** RECORDS FOR THE EXERCISE follows **

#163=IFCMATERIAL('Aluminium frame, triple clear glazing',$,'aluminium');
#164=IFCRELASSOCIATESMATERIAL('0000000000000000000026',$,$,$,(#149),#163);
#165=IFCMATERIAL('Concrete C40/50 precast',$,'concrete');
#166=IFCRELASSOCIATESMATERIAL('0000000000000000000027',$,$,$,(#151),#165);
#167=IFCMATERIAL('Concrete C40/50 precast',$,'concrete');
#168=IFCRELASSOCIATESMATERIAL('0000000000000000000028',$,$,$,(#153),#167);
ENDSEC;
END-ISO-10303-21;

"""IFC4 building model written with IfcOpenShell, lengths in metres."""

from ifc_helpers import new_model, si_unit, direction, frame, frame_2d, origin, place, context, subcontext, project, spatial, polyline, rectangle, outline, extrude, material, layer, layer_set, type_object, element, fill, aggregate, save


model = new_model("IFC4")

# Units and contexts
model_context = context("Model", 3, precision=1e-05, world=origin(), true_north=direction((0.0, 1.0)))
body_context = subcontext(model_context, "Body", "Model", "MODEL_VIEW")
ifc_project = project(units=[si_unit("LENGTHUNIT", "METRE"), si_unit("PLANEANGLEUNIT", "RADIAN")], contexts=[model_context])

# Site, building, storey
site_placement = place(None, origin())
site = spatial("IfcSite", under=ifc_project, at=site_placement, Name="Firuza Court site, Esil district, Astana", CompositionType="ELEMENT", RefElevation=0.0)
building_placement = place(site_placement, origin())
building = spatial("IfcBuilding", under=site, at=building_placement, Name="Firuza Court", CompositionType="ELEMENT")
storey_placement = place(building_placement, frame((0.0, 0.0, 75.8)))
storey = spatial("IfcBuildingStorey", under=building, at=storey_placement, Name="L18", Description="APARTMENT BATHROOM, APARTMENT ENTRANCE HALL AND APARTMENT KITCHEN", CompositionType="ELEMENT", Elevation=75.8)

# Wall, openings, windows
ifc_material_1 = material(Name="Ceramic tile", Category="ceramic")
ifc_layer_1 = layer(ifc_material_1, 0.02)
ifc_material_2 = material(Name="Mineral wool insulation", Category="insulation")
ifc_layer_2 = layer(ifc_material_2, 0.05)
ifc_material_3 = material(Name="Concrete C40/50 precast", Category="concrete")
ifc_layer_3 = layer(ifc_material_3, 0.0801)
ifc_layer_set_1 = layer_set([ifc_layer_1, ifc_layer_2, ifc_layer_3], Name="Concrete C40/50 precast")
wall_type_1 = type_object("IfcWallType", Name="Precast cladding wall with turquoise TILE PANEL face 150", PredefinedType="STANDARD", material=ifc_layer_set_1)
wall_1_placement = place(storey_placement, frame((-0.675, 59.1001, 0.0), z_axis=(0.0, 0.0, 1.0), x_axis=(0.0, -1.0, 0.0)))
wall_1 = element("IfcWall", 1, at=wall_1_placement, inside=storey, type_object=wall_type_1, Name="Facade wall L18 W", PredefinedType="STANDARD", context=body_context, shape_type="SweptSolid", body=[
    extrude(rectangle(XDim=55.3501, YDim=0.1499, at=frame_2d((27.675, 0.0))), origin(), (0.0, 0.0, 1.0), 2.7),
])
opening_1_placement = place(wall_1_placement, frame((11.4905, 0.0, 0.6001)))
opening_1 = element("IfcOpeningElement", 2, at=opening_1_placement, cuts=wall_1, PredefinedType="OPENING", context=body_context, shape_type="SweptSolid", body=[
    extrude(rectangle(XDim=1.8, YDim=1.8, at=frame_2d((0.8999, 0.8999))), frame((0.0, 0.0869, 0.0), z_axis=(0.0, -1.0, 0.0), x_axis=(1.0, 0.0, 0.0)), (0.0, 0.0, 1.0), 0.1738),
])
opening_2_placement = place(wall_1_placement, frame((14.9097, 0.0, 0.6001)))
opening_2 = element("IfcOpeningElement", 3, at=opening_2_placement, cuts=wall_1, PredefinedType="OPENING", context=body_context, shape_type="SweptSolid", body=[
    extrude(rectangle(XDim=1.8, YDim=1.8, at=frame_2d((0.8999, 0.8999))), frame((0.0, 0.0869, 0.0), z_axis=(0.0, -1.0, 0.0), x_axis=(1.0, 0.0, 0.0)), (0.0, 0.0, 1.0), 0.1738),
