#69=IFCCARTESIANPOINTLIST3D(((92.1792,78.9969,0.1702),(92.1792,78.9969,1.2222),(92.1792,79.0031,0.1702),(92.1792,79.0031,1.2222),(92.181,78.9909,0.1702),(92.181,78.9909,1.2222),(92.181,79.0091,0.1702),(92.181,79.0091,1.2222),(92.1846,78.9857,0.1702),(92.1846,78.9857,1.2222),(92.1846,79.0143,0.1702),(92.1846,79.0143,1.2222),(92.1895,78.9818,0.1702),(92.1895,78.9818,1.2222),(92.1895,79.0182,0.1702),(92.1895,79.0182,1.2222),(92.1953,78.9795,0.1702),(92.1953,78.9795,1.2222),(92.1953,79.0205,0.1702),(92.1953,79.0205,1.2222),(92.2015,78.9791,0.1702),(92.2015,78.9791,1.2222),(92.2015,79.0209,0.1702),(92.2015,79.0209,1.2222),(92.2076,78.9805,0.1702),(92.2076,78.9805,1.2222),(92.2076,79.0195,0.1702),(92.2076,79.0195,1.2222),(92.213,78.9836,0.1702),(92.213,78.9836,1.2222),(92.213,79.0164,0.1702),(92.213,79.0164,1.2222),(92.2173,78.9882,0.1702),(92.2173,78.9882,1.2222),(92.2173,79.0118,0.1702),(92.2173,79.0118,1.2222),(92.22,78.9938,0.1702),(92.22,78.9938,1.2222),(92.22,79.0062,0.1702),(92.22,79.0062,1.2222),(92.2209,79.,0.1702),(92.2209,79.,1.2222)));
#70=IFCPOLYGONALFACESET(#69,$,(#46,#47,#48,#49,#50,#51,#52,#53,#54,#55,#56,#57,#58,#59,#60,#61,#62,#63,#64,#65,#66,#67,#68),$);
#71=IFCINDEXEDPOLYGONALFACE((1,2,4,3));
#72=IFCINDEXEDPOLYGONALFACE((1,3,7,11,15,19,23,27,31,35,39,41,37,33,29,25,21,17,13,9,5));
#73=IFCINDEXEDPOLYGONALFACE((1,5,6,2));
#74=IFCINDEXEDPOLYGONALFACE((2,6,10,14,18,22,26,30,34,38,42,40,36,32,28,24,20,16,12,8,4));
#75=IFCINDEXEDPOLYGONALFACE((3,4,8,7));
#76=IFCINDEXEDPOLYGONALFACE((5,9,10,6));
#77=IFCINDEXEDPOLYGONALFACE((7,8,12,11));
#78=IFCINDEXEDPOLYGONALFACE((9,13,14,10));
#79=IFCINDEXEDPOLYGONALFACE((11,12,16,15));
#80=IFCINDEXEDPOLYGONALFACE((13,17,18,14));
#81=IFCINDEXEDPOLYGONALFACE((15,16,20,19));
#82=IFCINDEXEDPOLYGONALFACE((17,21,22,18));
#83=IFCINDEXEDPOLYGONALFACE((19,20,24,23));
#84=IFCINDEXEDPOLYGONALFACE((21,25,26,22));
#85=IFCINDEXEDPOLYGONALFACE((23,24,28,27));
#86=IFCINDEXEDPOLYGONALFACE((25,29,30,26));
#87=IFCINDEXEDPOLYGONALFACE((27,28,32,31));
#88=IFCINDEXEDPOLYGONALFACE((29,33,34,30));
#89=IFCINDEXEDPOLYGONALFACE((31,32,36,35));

** End of RECORDS FOR THE EXERCISE **
** RECORDS FOR THE EXERCISE follows **

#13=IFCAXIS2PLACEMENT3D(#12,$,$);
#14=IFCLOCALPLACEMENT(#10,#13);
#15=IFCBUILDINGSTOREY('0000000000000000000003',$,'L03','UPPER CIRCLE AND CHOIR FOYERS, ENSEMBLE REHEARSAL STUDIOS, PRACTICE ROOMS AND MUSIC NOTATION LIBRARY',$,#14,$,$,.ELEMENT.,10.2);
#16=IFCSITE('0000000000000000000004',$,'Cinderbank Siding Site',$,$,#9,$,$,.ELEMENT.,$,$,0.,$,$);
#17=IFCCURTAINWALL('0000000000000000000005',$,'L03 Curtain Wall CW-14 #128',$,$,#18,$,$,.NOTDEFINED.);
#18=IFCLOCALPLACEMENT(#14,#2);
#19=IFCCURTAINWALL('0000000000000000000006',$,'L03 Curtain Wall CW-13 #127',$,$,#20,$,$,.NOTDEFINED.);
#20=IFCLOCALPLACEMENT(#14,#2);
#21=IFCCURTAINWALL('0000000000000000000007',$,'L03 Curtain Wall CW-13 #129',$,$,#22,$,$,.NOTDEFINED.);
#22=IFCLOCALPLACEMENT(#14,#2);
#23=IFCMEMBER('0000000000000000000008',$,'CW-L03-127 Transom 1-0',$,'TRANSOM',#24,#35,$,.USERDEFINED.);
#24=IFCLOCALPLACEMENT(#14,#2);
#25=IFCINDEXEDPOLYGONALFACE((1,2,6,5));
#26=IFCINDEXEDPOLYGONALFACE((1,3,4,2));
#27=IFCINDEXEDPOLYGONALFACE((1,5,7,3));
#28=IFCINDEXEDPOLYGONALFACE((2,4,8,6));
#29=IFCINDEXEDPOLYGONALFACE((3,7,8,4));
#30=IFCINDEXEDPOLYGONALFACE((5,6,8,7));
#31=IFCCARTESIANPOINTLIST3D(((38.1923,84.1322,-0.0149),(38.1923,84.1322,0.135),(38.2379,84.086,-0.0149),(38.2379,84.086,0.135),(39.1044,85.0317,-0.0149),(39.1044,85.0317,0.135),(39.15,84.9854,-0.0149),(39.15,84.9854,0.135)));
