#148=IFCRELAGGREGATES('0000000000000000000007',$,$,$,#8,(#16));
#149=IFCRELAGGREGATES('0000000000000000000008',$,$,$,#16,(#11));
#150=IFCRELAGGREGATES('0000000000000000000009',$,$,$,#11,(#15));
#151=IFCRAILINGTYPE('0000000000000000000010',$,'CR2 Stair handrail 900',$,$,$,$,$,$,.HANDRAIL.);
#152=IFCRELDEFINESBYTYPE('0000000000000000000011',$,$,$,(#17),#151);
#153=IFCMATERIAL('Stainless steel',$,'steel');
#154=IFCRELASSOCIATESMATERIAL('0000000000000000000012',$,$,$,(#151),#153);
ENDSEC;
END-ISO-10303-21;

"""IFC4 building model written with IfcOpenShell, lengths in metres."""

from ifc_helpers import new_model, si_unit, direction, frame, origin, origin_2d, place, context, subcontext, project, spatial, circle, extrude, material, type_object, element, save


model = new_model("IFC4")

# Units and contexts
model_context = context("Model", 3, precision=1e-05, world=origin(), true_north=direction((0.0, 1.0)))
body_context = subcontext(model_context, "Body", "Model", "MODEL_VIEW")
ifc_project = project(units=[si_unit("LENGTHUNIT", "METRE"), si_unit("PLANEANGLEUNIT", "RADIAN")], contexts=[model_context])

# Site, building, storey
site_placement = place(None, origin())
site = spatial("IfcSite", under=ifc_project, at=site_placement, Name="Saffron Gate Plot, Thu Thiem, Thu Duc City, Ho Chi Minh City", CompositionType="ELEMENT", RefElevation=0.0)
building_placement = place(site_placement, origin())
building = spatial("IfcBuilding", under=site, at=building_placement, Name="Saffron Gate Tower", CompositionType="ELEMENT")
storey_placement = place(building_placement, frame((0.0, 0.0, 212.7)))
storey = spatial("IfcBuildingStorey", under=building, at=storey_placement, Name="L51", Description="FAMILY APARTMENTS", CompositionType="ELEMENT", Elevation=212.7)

** End of RECORDS FOR THE EXERCISE **

▸ EXERCISE DIRECTIONS:
The reply should hold only the lines of the listing above starting at the line containing "#73=IFCINDEXEDPOLYGONALFACE((1,5,6,2));" and ending at the line containing "#89=IFCINDEXEDPOLYGONALFACE((31,32,36,35));", exactly as written.

▸ ANSWER SECTION:
#73=IFCINDEXEDPOLYGONALFACE((1,5,6,2));
#74=IFCINDEXEDPOLYGONALFACE((2,6,10,14,18,22,26,30,34,38,42,40,36,32,28,24,20,16,12,8,4));
#75=IFCINDEXEDPOLYGONALFACE((3,4,8,7));
#76=IFCINDEXEDPOLYGONALFACE((5,9,10,6));
#77=IFCINDEXEDPOLYGONALFACE((7,8,12,11));
#78=IFCINDEXEDPOLYGONALFACE((9,13,14,10));
#79=IFCINDEXEDPOLYGONALFACE((11,12,16,15));
#80=IFCINDEXEDPOLYGONALFACE((13,17,18,14));
#81=IFCINDEXEDPOLYGONALFACE((15,16,20,19));
#82=IFCINDEXEDPOLYGONALFACE((17,21,22,18));
#83=IFCINDEXEDPOLYGONALFACE((19,20,24,23));
#84=IFCINDEXEDPOLYGONALFACE((21,25,26,22));
#85=IFCINDEXEDPOLYGONALFACE((23,24,28,27));
#86=IFCINDEXEDPOLYGONALFACE((25,29,30,26));
#87=IFCINDEXEDPOLYGONALFACE((27,28,32,31));
#88=IFCINDEXEDPOLYGONALFACE((29,33,34,30));
#89=IFCINDEXEDPOLYGONALFACE((31,32,36,35));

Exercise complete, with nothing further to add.